=== Collected data ===
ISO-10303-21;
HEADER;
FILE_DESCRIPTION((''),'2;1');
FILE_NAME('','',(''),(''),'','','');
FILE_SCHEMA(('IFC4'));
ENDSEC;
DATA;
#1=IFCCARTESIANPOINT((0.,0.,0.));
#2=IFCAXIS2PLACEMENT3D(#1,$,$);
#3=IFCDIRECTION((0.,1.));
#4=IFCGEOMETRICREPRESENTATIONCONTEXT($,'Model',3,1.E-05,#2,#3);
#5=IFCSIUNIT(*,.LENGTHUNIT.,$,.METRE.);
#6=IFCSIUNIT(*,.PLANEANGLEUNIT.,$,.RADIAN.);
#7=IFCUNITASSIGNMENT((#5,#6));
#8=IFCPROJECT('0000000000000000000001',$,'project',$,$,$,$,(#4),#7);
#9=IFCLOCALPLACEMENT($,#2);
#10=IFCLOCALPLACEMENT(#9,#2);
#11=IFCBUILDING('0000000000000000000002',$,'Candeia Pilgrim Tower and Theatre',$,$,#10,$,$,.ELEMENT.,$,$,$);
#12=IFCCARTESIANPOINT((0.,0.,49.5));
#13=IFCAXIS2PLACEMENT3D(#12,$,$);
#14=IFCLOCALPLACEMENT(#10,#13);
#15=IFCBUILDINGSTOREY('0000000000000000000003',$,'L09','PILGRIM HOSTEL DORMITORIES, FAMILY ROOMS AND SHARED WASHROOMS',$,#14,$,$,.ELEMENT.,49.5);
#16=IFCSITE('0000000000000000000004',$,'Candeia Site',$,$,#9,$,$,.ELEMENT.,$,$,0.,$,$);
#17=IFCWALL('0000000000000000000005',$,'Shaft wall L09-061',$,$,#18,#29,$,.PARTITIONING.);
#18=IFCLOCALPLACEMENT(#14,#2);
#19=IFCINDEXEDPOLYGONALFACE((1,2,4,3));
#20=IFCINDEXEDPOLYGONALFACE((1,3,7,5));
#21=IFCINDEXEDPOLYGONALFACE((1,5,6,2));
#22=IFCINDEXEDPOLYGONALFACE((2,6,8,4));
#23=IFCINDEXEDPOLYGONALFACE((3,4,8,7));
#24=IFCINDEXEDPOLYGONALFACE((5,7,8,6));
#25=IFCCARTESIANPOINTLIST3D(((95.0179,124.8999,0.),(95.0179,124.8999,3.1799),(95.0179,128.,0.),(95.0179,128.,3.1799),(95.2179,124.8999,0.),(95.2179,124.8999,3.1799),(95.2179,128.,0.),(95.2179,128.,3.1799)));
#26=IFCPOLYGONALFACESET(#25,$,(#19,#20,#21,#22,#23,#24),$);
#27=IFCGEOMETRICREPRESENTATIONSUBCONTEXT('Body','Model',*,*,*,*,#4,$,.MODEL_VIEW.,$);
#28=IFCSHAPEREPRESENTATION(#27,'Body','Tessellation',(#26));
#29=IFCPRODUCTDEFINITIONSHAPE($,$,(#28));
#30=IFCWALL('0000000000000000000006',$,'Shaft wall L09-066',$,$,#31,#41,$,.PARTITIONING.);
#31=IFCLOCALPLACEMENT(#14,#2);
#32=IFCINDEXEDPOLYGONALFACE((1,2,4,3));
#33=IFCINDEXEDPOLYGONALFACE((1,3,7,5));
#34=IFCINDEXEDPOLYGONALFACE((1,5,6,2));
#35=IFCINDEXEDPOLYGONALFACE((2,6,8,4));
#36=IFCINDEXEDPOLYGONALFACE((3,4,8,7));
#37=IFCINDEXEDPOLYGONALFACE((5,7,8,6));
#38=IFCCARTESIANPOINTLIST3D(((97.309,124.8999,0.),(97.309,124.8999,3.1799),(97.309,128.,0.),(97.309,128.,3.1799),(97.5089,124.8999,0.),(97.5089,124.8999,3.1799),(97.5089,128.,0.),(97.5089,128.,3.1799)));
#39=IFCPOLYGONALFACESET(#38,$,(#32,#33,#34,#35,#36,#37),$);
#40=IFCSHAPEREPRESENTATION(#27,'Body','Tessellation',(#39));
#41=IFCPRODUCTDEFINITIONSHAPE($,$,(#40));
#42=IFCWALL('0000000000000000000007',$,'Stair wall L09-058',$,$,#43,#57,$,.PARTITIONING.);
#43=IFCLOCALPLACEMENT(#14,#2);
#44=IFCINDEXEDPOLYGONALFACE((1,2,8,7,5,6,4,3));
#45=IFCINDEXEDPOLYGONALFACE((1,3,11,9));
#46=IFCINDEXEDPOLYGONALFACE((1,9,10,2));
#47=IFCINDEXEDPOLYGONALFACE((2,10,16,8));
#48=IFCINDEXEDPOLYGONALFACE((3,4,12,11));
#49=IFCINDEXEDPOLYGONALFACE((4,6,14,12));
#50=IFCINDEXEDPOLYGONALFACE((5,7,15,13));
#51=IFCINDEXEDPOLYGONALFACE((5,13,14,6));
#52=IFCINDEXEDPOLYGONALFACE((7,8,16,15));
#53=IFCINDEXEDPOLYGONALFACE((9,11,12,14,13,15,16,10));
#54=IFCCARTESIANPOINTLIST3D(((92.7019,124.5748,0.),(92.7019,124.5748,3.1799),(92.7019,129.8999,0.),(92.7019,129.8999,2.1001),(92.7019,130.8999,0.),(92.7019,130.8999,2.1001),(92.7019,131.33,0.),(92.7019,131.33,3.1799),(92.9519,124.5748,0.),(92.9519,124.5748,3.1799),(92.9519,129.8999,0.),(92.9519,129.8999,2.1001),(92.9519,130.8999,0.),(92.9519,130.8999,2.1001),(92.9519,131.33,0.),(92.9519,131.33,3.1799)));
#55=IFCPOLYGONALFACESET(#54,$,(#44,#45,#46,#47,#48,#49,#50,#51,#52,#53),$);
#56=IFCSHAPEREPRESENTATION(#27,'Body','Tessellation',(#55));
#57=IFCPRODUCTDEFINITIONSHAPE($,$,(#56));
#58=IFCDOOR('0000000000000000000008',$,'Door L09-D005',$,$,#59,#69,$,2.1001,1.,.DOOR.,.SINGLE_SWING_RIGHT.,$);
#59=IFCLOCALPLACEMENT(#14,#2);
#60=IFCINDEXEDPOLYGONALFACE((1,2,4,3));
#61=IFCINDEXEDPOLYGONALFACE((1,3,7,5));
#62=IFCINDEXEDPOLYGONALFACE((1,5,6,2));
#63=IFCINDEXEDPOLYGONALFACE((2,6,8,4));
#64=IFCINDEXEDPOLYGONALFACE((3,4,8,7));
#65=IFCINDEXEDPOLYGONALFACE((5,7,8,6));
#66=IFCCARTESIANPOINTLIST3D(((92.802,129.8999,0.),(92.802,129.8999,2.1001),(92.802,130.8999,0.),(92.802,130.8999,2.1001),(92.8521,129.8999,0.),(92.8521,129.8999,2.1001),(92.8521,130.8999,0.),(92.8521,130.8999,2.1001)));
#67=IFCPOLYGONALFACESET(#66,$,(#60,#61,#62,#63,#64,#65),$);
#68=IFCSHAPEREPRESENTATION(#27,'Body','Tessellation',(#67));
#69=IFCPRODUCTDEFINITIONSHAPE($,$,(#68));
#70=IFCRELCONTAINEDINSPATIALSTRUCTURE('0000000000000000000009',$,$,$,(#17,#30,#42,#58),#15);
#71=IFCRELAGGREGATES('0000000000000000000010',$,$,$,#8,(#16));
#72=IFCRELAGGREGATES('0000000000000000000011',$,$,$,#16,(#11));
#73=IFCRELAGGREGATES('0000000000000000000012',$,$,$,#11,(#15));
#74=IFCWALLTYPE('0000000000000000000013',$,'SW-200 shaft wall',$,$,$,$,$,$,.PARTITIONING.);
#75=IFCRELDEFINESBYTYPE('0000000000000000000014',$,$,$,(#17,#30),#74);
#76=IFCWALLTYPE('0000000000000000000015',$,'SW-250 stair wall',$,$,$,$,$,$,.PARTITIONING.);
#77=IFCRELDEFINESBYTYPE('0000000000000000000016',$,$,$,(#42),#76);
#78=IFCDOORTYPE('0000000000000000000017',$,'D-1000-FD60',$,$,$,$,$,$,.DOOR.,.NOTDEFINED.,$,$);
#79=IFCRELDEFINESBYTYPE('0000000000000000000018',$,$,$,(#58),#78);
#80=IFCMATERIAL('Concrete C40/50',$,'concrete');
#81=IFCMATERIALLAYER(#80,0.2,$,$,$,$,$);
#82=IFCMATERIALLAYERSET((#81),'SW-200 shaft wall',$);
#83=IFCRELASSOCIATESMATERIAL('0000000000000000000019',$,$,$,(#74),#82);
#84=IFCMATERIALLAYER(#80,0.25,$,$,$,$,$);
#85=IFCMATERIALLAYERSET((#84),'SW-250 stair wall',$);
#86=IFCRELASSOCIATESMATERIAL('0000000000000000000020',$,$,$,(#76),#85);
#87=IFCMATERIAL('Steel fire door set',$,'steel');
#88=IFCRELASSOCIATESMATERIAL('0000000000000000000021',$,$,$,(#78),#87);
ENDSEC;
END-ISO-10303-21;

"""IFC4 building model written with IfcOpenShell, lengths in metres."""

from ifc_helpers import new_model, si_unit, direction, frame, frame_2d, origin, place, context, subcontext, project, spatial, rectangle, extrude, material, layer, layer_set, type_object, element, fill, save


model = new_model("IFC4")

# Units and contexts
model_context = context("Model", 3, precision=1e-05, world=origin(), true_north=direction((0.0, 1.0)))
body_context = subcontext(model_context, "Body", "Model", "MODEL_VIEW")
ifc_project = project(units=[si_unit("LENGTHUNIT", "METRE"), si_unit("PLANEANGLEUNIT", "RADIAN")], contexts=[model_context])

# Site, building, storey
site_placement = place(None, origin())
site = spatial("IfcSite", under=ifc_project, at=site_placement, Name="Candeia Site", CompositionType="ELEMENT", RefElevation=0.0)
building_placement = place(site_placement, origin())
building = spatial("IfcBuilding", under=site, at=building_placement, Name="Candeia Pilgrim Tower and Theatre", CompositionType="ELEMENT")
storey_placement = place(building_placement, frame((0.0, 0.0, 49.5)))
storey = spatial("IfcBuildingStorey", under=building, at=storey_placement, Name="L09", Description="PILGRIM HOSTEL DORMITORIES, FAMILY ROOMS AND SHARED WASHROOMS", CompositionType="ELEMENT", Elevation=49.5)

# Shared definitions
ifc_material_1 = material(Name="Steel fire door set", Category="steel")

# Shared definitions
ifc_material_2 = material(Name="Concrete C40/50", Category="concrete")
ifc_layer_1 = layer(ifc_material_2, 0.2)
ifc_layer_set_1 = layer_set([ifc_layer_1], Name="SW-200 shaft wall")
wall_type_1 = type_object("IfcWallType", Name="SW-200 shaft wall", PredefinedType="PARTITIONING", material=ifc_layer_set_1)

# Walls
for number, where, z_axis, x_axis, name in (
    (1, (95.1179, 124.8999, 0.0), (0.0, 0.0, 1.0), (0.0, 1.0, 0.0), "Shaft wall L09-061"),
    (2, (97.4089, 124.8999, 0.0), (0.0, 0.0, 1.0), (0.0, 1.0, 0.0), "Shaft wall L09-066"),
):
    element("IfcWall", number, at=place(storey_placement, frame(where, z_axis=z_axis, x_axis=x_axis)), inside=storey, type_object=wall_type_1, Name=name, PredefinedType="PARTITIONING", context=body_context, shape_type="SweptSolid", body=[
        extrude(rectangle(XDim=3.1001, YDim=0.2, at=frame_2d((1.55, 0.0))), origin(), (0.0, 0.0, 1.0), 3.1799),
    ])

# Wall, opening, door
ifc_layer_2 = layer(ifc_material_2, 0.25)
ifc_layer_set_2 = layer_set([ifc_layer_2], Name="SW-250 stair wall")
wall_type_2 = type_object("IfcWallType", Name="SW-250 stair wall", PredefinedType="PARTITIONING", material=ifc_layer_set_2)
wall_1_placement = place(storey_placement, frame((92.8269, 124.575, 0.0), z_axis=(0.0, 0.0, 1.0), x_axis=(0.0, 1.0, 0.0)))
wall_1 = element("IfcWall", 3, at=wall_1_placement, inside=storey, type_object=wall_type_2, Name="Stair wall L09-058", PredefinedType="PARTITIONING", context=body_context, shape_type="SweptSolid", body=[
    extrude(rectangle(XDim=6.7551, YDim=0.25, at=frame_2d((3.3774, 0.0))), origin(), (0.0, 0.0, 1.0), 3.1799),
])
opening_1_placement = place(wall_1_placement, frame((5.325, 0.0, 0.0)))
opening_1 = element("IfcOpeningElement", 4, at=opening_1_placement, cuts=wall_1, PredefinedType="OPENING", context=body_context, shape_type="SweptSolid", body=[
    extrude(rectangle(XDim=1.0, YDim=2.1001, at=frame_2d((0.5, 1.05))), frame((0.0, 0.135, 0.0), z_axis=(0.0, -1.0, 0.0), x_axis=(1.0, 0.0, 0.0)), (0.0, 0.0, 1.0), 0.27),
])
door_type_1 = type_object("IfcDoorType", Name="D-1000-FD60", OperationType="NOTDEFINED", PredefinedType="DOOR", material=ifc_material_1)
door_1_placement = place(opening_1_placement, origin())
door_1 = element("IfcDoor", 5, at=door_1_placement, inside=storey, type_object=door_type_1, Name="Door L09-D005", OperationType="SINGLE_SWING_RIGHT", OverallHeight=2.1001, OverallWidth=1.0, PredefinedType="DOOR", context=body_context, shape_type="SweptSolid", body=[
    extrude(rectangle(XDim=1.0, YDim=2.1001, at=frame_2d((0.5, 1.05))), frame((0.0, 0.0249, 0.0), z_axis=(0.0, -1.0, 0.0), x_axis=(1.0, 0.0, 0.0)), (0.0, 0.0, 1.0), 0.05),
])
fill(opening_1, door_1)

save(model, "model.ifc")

...

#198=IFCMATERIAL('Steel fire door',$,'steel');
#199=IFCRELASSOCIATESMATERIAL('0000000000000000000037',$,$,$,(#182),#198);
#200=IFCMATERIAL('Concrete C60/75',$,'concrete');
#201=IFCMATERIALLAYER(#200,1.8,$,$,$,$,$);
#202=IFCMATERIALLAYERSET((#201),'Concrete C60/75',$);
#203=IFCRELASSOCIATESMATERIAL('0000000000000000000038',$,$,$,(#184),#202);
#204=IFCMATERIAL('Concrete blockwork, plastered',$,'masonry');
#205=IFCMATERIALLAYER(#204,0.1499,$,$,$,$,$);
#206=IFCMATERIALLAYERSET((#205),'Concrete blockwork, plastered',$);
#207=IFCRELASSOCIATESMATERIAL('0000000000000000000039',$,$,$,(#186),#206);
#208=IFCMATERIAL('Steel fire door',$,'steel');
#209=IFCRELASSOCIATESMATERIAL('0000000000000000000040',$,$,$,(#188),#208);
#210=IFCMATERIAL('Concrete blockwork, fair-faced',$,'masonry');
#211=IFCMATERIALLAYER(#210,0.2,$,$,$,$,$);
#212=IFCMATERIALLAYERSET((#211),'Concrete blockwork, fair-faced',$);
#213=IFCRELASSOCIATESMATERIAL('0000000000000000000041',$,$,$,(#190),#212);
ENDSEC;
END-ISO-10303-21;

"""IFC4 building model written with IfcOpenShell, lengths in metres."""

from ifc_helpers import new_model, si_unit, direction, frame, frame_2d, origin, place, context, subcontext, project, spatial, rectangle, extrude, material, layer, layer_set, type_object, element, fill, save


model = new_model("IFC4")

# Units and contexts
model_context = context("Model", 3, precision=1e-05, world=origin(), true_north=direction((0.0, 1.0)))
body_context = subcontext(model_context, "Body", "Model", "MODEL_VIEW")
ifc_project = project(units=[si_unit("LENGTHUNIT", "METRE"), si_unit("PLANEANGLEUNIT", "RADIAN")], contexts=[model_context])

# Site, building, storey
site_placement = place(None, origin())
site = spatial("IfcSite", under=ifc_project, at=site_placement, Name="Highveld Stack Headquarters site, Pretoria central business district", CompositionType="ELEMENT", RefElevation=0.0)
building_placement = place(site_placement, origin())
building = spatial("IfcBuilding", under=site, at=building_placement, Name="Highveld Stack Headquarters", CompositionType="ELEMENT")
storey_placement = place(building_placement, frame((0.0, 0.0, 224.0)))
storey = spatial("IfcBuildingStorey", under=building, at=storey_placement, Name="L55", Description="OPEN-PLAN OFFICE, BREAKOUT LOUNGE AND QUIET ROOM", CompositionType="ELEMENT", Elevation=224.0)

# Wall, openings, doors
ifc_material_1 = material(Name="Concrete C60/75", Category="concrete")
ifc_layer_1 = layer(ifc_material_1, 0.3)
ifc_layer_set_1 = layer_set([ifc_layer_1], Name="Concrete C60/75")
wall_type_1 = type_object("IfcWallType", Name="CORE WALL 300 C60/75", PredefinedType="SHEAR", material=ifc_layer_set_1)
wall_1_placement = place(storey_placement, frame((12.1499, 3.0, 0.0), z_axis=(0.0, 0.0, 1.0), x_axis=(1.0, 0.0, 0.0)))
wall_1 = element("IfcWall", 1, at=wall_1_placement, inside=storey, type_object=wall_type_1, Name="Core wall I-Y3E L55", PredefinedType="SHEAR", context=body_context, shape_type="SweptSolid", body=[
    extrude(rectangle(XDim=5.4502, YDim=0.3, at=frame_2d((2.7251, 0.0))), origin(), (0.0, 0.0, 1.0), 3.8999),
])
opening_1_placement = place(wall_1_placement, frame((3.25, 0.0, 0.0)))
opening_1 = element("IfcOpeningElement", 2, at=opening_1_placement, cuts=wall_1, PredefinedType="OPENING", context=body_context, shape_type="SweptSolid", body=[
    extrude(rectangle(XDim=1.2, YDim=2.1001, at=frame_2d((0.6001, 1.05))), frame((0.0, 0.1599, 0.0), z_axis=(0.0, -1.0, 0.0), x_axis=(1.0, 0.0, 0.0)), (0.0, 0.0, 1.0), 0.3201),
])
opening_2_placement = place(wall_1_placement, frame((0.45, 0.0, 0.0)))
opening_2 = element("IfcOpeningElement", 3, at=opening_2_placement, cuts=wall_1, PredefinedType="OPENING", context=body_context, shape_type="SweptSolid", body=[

=== Work instruction ===
For the word "blockwork", return every line of the records that holds it.

=== Solved problem ===
#204=IFCMATERIAL('Concrete blockwork, plastered',$,'masonry');
#206=IFCMATERIALLAYERSET((#205),'Concrete blockwork, plastered',$);
#210=IFCMATERIAL('Concrete blockwork, fair-faced',$,'masonry');
#212=IFCMATERIALLAYERSET((#211),'Concrete blockwork, fair-faced',$);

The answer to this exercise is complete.